**Task item**
Which of the lines below contain the string "Keldorne"? Pull each one out of the data.

**Extracted information**
::::

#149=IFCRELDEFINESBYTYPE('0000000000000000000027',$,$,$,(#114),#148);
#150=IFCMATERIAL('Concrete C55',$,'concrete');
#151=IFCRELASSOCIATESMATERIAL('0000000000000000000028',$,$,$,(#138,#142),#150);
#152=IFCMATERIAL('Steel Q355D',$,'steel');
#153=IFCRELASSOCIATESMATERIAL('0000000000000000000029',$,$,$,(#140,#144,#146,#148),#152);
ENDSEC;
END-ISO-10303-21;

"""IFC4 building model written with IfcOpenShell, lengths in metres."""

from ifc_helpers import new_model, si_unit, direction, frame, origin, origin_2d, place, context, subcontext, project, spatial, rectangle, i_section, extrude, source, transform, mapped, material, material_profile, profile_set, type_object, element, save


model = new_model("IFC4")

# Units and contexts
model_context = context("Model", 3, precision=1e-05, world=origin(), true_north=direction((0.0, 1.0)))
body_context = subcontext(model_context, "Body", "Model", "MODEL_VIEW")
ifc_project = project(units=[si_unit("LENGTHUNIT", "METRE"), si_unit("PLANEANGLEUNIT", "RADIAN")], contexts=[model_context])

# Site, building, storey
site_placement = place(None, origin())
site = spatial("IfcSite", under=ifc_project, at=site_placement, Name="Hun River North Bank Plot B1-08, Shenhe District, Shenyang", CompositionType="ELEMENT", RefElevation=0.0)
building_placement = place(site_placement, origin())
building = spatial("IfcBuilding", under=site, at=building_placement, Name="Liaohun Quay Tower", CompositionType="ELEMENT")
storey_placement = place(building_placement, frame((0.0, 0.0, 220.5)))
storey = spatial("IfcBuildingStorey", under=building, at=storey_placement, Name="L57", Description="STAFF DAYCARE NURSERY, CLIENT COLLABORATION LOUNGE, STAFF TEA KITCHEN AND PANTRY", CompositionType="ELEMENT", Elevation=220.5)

::::

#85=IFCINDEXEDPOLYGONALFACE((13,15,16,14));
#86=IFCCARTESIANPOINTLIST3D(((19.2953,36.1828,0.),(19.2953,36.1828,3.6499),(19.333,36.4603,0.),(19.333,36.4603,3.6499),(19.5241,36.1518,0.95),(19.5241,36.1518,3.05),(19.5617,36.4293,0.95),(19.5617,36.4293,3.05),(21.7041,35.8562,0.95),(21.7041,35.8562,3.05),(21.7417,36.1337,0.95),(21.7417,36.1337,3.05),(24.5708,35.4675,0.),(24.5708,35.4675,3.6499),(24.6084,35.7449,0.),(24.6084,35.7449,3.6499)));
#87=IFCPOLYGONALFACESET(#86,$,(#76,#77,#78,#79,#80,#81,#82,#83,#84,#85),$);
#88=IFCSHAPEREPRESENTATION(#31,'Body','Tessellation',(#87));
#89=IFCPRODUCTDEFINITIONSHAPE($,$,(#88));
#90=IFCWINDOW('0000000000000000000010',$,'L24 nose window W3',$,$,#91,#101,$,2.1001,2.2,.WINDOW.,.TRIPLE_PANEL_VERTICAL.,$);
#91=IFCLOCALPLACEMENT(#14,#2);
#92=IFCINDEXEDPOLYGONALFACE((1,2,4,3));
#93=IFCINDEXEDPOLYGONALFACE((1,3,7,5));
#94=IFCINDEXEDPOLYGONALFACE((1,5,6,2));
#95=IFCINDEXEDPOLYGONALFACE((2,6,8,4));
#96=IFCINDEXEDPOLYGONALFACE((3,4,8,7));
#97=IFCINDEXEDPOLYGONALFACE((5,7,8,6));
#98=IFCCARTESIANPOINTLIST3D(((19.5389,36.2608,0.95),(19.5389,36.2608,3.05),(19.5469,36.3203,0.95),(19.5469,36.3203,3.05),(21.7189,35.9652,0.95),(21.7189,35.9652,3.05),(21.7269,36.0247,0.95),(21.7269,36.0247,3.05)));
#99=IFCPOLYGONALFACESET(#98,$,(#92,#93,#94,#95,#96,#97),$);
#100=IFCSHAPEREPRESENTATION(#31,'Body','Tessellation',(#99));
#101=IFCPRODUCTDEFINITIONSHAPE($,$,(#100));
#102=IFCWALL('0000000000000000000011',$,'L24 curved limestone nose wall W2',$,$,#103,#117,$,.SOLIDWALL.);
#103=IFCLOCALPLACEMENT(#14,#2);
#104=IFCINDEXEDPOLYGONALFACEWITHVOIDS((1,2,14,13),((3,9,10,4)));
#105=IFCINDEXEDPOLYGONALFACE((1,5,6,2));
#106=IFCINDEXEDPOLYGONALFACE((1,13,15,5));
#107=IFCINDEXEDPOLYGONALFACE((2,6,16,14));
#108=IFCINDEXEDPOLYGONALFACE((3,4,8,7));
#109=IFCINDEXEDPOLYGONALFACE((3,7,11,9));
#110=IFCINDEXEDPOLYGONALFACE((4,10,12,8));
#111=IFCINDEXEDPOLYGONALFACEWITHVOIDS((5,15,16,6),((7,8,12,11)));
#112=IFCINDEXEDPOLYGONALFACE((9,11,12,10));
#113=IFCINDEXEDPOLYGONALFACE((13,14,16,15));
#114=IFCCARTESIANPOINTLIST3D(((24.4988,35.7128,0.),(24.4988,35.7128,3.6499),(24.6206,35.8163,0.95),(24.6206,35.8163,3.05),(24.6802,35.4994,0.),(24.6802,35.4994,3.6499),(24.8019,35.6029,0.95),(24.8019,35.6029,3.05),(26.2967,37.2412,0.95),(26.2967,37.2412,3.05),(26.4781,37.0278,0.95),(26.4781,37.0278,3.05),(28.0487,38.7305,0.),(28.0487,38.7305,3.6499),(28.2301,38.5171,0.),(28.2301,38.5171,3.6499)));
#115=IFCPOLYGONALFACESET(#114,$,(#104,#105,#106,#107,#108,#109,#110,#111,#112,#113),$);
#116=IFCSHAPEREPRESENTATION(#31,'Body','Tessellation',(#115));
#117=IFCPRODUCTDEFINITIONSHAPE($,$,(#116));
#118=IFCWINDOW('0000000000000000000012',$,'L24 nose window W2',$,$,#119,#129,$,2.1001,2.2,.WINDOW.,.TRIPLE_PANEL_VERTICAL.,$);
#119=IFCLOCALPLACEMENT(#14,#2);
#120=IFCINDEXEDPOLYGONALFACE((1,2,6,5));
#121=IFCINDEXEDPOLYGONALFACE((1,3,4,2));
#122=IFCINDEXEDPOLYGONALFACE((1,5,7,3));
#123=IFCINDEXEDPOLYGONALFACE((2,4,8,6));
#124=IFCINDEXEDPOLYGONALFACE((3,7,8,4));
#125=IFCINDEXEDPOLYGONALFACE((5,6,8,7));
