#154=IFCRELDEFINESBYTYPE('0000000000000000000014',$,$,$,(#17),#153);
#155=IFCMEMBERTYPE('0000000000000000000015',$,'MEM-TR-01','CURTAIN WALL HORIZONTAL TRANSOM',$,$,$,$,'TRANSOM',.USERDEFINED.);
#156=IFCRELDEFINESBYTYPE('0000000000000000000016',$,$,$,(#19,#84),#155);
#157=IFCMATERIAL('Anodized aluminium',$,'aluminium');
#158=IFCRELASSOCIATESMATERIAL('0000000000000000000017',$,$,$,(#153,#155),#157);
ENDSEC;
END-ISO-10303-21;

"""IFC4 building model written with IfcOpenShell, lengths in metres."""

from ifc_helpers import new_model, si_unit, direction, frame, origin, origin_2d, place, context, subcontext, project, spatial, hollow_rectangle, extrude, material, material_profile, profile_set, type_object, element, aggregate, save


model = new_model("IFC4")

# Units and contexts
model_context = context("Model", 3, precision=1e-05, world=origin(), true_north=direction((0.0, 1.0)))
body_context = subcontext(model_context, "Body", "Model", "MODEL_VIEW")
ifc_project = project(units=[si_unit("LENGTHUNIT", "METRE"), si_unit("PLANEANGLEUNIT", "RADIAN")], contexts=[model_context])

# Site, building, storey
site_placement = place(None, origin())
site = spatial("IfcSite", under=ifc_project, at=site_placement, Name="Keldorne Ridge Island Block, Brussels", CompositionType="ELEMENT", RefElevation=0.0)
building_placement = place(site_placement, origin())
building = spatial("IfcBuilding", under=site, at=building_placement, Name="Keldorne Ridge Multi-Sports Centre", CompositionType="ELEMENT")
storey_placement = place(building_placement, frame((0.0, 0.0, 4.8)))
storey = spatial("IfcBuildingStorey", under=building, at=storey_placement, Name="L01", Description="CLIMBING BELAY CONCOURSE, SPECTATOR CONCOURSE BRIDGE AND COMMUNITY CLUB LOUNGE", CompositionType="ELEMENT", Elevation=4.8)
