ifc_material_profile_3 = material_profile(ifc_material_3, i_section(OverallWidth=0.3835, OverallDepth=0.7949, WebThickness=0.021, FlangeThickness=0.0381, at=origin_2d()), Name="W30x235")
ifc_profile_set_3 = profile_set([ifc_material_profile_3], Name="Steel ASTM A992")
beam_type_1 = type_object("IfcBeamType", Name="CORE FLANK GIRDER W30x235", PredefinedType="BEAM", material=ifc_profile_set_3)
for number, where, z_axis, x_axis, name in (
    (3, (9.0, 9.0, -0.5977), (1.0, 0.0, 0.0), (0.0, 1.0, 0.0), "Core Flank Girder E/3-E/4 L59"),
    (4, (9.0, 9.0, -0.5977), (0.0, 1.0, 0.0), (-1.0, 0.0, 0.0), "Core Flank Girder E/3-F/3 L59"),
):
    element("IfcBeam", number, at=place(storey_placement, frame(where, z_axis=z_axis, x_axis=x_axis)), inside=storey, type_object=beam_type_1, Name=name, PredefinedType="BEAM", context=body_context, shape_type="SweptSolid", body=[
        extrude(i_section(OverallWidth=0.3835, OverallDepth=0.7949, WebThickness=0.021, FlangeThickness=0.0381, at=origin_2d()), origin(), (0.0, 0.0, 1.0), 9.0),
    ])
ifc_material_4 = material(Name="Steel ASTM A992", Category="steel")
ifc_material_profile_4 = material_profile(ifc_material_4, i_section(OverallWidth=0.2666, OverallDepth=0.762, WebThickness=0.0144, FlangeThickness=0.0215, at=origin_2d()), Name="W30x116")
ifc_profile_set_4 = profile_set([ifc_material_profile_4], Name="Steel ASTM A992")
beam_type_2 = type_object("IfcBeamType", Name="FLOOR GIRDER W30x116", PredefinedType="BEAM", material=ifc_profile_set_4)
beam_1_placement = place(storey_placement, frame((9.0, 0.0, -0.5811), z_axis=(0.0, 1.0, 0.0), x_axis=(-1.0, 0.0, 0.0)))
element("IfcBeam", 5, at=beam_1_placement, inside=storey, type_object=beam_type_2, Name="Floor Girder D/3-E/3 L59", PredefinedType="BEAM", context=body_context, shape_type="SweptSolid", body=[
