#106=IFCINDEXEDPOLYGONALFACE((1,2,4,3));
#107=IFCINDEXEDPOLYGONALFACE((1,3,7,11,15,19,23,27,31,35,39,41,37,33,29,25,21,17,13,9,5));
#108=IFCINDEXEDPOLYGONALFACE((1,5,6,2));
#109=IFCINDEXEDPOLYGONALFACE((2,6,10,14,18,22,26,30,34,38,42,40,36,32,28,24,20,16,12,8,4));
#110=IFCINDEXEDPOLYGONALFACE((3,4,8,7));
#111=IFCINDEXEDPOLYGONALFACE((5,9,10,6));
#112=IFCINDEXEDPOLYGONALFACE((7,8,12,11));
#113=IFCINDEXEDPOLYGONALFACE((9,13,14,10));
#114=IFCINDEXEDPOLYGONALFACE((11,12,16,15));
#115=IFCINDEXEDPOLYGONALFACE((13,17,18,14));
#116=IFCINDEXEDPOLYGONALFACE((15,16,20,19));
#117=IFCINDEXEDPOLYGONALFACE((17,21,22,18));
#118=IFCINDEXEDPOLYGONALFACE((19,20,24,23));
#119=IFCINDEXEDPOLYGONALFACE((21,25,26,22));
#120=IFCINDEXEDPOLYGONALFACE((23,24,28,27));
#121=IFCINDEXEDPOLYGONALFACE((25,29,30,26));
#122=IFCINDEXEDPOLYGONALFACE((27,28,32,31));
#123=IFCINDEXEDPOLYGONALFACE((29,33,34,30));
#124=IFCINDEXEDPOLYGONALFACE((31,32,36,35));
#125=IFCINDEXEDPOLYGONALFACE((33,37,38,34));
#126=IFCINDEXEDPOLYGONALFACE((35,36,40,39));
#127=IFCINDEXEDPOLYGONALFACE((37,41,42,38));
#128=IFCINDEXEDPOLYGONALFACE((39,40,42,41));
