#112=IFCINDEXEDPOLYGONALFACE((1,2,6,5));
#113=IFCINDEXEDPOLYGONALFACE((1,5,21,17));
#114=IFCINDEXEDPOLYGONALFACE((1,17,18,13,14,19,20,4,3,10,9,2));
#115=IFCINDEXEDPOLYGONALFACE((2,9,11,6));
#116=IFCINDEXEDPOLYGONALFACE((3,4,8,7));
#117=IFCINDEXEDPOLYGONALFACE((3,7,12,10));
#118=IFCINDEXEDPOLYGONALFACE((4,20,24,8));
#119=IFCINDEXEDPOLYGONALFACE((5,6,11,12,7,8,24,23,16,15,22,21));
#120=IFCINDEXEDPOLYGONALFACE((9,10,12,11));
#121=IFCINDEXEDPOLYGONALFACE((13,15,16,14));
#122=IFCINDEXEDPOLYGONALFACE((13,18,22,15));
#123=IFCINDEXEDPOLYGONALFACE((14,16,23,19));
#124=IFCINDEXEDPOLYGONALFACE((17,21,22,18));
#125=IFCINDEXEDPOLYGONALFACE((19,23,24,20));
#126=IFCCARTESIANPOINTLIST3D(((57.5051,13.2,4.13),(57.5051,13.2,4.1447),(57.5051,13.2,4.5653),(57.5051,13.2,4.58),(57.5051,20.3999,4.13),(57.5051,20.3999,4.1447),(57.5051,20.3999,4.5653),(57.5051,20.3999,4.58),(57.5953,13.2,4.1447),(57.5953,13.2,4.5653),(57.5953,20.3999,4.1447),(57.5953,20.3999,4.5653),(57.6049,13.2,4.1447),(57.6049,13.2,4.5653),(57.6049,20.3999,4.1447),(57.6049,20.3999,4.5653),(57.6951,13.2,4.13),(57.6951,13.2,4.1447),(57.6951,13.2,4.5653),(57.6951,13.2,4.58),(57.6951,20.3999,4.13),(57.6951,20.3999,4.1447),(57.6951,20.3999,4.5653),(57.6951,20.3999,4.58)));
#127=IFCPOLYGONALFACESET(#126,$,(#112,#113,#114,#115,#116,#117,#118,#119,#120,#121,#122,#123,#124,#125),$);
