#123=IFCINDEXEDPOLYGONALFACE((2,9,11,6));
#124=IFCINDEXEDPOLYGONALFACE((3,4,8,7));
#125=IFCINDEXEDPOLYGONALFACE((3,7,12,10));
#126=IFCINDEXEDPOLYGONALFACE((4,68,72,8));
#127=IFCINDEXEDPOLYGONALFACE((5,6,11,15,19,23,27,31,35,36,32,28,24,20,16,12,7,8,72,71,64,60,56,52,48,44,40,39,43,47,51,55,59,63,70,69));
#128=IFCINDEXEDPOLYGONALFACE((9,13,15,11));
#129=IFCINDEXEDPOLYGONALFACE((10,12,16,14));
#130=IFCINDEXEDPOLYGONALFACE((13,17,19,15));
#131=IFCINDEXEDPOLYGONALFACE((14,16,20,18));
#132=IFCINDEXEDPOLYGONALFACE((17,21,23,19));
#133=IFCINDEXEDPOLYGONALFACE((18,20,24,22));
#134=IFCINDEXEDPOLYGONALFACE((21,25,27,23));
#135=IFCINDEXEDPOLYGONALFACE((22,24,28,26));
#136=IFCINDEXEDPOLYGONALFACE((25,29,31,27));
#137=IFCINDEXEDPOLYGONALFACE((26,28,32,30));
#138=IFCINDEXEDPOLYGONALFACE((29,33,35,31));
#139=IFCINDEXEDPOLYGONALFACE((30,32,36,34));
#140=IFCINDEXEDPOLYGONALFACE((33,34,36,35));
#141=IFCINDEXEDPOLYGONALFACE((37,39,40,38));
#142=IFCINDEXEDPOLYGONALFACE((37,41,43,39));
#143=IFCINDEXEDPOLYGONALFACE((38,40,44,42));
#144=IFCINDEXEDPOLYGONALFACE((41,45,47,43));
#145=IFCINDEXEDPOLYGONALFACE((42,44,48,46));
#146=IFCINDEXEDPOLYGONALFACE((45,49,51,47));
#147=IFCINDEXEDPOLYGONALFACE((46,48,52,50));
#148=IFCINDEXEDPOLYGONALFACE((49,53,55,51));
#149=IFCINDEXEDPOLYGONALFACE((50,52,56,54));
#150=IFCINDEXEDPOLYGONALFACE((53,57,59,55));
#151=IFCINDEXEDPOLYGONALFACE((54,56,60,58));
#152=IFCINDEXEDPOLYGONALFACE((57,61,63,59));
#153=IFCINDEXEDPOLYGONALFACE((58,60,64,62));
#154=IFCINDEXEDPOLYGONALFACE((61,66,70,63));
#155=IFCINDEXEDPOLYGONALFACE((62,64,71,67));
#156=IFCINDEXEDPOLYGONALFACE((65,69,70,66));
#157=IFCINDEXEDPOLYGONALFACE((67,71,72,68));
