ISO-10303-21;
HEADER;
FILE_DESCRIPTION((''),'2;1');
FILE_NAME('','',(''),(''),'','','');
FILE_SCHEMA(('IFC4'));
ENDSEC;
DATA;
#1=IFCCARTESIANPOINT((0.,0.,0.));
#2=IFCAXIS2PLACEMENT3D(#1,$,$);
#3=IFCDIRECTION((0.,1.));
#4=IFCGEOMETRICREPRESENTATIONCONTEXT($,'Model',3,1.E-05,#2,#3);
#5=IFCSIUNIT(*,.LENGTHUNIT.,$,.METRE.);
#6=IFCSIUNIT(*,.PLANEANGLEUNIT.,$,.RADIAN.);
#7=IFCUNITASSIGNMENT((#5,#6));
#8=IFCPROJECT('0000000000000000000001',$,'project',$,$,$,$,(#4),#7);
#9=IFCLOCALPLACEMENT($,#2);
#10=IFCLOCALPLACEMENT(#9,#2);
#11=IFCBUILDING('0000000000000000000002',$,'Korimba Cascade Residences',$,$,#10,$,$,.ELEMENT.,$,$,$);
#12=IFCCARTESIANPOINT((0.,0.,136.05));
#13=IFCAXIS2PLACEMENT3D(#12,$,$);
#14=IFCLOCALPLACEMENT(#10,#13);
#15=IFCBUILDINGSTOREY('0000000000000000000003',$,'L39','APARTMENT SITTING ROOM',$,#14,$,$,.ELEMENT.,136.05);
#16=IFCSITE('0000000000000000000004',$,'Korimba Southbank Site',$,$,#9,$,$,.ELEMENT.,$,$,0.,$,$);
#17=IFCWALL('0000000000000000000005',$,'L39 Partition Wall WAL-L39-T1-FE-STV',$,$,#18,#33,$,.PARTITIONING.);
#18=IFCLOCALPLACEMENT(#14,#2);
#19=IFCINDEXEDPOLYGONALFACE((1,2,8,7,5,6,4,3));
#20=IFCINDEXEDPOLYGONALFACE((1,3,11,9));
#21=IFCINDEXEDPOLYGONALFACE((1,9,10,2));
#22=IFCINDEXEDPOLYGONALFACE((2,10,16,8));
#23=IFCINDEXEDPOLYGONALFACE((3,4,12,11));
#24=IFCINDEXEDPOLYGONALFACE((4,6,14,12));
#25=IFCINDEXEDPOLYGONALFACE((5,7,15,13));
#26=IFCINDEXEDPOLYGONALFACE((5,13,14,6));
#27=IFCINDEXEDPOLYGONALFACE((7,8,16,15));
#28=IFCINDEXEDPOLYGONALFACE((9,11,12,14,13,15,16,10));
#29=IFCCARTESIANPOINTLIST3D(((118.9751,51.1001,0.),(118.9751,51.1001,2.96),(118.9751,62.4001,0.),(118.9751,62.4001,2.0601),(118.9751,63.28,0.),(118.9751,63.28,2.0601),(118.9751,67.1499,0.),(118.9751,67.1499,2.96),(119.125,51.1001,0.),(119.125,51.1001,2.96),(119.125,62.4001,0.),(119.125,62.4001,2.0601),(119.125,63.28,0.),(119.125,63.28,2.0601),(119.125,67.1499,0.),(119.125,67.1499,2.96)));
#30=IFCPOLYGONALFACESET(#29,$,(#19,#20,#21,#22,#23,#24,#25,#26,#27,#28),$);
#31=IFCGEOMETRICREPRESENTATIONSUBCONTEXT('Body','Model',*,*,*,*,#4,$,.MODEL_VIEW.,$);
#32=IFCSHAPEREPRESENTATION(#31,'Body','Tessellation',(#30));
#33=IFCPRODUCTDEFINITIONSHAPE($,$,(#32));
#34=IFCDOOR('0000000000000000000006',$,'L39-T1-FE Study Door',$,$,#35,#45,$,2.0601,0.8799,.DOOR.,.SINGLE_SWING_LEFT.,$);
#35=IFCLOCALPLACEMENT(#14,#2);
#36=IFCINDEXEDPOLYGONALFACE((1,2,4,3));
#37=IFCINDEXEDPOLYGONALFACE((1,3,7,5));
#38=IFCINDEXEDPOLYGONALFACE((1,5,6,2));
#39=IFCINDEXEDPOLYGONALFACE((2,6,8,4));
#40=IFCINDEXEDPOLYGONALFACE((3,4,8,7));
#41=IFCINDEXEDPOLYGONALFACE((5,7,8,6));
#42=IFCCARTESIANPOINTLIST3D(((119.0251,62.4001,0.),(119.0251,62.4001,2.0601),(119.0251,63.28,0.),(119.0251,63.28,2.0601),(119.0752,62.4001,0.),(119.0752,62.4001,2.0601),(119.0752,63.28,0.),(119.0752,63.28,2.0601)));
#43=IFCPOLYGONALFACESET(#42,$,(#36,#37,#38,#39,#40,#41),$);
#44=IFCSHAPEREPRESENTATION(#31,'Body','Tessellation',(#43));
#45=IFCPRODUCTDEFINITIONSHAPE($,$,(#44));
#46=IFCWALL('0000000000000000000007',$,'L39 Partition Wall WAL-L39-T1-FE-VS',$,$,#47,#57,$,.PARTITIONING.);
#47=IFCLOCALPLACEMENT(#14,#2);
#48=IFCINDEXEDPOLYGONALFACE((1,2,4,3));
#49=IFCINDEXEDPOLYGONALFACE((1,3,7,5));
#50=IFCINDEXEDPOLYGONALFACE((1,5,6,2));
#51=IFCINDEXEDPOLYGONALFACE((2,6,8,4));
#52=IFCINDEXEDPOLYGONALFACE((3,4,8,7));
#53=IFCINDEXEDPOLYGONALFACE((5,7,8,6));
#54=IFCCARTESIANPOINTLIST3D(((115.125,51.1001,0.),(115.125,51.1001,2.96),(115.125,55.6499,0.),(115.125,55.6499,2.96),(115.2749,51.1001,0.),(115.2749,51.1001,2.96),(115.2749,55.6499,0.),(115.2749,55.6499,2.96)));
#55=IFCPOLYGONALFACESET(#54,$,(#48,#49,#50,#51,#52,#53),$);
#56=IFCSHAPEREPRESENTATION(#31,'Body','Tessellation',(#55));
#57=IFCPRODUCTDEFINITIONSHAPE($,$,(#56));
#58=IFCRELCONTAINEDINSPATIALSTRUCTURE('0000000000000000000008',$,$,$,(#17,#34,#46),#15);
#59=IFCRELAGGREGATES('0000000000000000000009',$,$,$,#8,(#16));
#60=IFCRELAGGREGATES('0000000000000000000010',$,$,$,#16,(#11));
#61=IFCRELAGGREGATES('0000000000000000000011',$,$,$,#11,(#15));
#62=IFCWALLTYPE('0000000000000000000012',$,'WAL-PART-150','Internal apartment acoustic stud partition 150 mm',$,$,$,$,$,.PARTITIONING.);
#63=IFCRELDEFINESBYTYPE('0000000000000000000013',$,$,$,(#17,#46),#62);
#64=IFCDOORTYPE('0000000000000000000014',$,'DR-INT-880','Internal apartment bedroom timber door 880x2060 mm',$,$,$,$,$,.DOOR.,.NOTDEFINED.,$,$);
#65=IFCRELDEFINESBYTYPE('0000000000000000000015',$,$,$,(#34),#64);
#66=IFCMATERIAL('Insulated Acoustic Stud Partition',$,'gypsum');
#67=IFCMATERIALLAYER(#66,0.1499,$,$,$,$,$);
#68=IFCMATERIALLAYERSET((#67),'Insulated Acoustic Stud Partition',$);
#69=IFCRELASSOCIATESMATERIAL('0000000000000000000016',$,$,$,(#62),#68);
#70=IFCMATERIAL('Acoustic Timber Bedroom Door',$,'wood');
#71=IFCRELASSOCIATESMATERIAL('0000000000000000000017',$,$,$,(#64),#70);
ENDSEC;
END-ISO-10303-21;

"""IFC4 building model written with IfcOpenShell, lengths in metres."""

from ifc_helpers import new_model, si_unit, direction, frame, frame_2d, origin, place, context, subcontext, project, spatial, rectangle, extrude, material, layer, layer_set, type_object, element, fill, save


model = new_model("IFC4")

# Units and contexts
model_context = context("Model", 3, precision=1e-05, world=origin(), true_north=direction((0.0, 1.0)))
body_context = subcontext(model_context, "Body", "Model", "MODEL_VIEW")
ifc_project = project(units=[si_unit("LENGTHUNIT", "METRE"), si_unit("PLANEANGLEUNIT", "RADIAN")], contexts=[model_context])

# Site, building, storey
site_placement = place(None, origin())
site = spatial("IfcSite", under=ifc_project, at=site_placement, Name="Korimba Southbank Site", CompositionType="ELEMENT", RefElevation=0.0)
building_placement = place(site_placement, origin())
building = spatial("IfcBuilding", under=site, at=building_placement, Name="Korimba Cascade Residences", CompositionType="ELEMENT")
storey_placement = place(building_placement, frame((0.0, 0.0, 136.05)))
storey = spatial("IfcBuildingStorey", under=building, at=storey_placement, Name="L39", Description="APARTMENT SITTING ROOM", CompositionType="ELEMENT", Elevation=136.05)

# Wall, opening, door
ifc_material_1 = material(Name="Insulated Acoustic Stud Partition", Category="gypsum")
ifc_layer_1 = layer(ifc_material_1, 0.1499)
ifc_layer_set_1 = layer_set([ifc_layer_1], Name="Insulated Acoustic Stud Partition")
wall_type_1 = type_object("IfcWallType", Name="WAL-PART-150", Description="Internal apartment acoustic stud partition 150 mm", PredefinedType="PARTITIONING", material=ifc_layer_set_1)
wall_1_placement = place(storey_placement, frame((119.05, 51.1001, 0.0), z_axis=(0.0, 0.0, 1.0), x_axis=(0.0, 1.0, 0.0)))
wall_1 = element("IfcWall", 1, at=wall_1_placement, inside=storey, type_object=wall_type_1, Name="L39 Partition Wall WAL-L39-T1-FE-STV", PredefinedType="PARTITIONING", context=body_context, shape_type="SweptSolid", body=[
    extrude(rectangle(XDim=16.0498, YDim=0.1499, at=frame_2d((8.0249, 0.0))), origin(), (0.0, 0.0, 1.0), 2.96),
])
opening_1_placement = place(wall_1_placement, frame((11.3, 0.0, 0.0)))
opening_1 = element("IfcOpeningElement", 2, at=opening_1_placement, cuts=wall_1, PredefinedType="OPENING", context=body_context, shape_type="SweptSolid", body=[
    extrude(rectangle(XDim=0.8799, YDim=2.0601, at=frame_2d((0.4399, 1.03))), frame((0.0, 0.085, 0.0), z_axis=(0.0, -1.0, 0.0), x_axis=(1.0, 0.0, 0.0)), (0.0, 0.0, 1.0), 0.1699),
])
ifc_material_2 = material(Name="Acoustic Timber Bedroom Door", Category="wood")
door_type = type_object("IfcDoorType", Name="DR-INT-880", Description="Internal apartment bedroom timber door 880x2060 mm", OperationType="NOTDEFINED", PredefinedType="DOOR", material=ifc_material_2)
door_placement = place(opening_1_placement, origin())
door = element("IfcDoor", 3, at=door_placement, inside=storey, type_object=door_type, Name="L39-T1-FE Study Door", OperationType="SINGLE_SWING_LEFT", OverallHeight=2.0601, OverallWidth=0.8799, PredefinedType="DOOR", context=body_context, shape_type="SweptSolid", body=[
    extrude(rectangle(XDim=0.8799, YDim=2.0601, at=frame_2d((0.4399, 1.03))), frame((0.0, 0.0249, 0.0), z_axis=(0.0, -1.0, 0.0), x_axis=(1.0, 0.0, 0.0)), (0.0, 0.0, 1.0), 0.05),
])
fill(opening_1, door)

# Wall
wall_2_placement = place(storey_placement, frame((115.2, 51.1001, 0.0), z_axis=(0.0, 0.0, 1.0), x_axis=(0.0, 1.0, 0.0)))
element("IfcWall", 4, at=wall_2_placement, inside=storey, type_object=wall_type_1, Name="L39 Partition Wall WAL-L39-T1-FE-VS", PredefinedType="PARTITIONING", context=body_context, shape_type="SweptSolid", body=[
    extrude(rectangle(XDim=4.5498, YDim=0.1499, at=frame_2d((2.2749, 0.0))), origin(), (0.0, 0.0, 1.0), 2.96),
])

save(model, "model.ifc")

::::

**Result of the exercise**
site = spatial("IfcSite", under=ifc_project, at=site_placement, Name="Keldorne Ridge Island Block, Brussels", CompositionType="ELEMENT", RefElevation=0.0)
building = spatial("IfcBuilding", under=site, at=building_placement, Name="Keldorne Ridge Multi-Sports Centre", CompositionType="ELEMENT")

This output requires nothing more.